Data for the task:
━━━━
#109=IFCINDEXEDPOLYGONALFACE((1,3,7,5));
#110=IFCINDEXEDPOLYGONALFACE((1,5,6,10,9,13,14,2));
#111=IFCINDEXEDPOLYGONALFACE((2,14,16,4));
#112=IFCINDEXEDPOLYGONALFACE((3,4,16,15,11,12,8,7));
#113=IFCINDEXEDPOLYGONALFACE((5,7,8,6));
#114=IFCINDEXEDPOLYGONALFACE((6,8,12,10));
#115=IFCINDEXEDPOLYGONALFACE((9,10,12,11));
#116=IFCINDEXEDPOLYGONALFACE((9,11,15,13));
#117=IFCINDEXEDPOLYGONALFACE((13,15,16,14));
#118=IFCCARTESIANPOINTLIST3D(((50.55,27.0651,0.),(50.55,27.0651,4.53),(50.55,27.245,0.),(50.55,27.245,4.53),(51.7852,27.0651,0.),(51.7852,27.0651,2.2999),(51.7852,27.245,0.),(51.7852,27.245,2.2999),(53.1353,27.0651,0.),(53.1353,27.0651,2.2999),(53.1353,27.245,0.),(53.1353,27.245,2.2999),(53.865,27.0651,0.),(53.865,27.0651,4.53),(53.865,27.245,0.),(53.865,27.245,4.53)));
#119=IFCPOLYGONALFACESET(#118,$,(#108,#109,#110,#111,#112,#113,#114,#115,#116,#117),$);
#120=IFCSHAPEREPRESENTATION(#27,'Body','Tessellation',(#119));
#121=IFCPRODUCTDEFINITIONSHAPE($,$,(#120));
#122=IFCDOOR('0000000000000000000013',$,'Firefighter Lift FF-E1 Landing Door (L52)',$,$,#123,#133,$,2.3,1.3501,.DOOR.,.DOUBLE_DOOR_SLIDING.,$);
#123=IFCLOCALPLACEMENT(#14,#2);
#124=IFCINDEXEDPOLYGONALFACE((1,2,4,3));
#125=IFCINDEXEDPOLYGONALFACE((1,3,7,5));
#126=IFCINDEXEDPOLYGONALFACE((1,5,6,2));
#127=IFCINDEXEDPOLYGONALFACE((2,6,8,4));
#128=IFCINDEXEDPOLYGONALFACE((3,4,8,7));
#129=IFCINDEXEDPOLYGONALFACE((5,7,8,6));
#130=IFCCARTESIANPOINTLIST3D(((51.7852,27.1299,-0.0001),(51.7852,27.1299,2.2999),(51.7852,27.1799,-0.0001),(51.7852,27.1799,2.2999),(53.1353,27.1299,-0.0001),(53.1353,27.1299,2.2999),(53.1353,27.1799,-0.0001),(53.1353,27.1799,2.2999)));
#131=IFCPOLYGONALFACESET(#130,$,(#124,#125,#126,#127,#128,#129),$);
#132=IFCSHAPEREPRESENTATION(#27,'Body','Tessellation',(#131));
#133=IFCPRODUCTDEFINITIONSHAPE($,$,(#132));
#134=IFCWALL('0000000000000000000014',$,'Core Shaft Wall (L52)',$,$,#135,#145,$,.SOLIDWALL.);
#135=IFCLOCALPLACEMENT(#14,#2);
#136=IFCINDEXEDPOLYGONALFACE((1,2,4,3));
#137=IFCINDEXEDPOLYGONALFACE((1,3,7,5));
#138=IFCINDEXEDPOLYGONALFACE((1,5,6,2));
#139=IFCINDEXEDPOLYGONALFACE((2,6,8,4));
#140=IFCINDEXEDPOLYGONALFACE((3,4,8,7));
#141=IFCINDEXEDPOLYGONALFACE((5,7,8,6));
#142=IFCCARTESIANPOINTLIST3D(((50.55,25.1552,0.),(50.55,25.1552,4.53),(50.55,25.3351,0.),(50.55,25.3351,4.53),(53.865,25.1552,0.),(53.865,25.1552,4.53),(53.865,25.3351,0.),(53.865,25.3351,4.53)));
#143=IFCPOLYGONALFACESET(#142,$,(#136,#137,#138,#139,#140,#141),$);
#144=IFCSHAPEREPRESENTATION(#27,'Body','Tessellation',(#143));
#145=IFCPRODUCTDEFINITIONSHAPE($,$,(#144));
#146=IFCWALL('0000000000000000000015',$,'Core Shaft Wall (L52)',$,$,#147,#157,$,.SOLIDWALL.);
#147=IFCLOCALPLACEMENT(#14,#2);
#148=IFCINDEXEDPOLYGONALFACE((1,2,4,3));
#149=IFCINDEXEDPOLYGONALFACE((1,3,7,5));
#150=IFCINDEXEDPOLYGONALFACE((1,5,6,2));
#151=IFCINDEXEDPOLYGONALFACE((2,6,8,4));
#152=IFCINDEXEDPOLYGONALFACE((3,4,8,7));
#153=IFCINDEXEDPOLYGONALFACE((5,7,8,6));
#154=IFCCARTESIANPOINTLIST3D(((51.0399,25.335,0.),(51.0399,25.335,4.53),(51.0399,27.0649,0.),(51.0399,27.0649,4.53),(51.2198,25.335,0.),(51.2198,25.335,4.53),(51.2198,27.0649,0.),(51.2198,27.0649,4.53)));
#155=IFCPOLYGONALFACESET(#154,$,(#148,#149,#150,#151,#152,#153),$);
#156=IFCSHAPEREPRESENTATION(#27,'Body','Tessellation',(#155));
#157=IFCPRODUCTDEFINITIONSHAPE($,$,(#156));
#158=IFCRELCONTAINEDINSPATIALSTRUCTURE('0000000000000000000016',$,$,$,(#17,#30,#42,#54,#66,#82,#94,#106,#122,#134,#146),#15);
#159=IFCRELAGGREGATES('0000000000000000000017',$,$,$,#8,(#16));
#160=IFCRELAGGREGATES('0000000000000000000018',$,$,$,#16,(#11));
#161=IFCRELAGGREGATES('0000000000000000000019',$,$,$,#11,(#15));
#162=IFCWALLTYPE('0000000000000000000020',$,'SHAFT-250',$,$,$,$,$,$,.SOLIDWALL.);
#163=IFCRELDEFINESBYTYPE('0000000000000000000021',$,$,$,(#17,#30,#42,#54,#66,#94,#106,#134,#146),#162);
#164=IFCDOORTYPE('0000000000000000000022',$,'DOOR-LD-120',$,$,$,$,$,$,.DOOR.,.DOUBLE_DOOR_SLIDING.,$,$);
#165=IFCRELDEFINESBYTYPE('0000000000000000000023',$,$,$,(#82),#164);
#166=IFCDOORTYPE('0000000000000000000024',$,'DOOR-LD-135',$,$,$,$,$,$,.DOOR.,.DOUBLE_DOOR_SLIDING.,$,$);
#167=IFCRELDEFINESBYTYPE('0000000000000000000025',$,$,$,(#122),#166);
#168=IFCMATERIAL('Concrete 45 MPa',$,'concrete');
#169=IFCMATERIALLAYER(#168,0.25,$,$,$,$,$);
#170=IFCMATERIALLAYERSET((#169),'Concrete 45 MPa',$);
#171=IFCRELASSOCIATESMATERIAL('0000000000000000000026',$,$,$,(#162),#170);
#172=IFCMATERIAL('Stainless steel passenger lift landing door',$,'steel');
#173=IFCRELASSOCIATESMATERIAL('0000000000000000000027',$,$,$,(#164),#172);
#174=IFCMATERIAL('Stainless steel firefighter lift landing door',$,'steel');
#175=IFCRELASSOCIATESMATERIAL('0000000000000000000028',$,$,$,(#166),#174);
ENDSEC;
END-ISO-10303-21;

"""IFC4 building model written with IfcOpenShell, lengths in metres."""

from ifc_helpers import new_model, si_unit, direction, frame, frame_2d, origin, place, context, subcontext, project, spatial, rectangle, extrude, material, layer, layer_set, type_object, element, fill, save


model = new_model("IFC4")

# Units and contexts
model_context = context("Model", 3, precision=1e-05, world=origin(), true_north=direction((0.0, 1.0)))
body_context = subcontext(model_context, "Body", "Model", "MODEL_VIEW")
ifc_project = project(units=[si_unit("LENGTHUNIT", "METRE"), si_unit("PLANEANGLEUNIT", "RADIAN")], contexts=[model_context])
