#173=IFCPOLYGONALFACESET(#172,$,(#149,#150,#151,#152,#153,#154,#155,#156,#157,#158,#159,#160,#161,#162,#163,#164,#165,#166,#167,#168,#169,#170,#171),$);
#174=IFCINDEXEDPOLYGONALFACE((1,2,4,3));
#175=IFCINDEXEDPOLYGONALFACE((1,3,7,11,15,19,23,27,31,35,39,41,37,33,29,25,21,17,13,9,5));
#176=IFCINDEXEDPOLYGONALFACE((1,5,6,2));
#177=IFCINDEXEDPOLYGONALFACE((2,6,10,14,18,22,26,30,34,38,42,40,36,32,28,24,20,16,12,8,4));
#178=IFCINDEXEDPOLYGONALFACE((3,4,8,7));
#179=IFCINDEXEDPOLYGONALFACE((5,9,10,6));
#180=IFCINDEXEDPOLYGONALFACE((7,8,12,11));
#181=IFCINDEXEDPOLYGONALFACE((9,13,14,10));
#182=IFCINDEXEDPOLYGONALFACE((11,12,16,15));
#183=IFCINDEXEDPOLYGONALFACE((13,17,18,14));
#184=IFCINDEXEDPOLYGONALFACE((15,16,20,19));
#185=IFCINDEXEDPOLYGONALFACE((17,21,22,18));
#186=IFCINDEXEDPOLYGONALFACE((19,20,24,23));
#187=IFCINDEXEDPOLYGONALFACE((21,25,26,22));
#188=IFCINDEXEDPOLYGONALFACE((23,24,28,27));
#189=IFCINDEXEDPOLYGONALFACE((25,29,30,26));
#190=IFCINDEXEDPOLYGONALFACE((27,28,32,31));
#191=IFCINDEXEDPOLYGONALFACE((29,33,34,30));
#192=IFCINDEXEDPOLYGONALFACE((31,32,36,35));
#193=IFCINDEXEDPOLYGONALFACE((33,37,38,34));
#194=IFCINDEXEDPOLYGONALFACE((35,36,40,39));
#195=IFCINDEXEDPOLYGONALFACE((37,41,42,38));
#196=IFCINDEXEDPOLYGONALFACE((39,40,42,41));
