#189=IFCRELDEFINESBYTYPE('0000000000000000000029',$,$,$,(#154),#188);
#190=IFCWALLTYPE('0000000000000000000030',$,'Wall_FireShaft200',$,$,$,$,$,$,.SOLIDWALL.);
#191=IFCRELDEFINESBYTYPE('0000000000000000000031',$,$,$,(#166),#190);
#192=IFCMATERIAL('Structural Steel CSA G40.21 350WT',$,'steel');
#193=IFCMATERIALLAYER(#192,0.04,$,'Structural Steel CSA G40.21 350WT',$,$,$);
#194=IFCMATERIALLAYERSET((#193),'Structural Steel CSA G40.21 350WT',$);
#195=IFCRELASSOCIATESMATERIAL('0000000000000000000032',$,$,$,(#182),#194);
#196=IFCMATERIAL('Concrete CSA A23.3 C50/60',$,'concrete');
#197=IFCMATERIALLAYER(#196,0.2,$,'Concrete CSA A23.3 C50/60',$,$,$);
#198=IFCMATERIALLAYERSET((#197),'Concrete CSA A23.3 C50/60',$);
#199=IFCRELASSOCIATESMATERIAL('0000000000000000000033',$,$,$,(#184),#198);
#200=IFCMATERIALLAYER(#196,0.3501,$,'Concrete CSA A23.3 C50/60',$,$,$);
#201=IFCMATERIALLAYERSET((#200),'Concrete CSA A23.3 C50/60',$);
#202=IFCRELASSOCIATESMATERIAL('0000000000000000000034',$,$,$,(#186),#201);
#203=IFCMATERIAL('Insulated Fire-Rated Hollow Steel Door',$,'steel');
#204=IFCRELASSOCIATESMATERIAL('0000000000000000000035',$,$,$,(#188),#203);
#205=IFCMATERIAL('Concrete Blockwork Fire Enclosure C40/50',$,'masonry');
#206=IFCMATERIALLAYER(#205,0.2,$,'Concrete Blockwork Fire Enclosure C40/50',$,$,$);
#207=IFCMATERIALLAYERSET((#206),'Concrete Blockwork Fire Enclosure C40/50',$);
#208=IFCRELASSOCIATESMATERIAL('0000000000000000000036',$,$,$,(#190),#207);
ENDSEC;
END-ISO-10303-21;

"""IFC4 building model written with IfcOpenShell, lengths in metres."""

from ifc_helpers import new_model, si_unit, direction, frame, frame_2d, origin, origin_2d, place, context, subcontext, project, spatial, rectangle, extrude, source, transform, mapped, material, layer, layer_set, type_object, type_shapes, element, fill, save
━━━━
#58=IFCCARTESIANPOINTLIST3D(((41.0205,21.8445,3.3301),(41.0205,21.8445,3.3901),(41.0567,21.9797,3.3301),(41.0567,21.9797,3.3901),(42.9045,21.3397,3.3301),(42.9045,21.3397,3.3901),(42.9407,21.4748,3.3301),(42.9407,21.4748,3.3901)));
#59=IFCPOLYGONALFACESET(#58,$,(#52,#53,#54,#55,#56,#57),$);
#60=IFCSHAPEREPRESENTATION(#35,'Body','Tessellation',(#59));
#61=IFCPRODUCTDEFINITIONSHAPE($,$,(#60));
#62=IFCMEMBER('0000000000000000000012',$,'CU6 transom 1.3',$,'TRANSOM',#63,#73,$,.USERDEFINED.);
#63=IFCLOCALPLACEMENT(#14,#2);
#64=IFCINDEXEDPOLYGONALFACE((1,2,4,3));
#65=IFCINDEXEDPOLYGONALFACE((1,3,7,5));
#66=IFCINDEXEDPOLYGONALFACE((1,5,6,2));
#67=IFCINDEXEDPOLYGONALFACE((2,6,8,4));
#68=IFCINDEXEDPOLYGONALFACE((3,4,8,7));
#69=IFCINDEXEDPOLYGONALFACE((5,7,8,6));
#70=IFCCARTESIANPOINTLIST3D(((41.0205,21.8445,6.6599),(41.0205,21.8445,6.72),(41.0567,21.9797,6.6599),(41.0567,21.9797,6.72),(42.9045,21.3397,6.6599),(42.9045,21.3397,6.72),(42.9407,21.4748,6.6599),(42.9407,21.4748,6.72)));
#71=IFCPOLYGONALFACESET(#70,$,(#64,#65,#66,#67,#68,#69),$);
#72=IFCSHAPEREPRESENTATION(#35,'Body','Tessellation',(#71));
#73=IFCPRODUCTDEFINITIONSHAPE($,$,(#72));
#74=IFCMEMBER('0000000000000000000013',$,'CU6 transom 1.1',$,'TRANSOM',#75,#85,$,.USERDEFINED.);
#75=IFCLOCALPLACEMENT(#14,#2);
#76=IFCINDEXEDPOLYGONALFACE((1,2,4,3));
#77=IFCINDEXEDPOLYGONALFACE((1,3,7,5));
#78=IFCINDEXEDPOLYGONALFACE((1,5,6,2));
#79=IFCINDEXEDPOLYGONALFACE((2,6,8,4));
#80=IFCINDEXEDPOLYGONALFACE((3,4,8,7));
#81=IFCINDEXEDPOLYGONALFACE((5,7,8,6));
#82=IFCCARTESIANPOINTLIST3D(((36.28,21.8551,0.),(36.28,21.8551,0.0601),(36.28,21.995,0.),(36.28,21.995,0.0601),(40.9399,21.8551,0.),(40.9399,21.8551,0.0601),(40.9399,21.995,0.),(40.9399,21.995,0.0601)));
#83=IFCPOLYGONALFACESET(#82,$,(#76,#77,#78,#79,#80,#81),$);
━━━━
What is required: All that is wanted is an exact copy of the lines above from the one with "#109=IFCINDEXEDPOLYGONALFACE((1,3,7,5));" through the one with "#117=IFCINDEXEDPOLYGONALFACE((13,15,16,14));", with both ends included.

Answer for the task:
#109=IFCINDEXEDPOLYGONALFACE((1,3,7,5));
#110=IFCINDEXEDPOLYGONALFACE((1,5,6,10,9,13,14,2));
#111=IFCINDEXEDPOLYGONALFACE((2,14,16,4));
#112=IFCINDEXEDPOLYGONALFACE((3,4,16,15,11,12,8,7));
#113=IFCINDEXEDPOLYGONALFACE((5,7,8,6));
#114=IFCINDEXEDPOLYGONALFACE((6,8,12,10));
#115=IFCINDEXEDPOLYGONALFACE((9,10,12,11));
#116=IFCINDEXEDPOLYGONALFACE((9,11,15,13));
#117=IFCINDEXEDPOLYGONALFACE((13,15,16,14));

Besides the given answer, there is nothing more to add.